- Entries shown -
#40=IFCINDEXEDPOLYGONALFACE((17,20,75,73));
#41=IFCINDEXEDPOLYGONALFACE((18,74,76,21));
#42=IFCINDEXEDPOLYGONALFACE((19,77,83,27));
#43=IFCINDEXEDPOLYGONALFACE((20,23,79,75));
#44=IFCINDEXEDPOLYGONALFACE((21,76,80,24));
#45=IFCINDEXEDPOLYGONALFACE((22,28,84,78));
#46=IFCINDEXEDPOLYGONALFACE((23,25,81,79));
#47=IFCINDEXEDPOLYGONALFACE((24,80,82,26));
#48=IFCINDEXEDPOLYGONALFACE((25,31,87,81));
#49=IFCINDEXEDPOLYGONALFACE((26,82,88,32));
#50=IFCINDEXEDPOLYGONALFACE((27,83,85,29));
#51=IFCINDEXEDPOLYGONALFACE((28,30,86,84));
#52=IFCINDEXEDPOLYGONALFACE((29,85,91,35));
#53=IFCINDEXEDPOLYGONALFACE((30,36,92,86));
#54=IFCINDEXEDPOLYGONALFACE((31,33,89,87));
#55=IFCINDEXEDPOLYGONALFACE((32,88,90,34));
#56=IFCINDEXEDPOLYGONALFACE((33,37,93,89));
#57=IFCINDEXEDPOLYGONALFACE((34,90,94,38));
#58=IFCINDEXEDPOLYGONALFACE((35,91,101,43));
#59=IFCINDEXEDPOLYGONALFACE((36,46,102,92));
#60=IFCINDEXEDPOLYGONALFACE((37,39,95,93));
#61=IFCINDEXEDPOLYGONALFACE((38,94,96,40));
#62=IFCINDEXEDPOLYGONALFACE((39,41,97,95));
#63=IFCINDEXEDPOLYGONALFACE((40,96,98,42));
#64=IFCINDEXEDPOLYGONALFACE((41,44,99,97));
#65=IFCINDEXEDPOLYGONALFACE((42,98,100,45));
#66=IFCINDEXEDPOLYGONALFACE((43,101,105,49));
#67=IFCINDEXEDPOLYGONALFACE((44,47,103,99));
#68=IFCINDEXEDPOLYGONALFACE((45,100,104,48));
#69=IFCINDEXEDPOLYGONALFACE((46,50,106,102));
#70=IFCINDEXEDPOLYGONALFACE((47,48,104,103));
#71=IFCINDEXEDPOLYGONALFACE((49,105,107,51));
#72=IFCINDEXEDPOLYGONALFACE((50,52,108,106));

- What the task asks -
Repeat only the lines starting at the one that contains "#58=IFCINDEXEDPOLYGONALFACE((35,91,101,43));" and ending at the last line above, exactly as written.

- Reply -
#58=IFCINDEXEDPOLYGONALFACE((35,91,101,43));
#59=IFCINDEXEDPOLYGONALFACE((36,46,102,92));
#60=IFCINDEXEDPOLYGONALFACE((37,39,95,93));
#61=IFCINDEXEDPOLYGONALFACE((38,94,96,40));
#62=IFCINDEXEDPOLYGONALFACE((39,41,97,95));
#63=IFCINDEXEDPOLYGONALFACE((40,96,98,42));
#64=IFCINDEXEDPOLYGONALFACE((41,44,99,97));
#65=IFCINDEXEDPOLYGONALFACE((42,98,100,45));
#66=IFCINDEXEDPOLYGONALFACE((43,101,105,49));
#67=IFCINDEXEDPOLYGONALFACE((44,47,103,99));
#68=IFCINDEXEDPOLYGONALFACE((45,100,104,48));
#69=IFCINDEXEDPOLYGONALFACE((46,50,106,102));
#70=IFCINDEXEDPOLYGONALFACE((47,48,104,103));
#71=IFCINDEXEDPOLYGONALFACE((49,105,107,51));
#72=IFCINDEXEDPOLYGONALFACE((50,52,108,106));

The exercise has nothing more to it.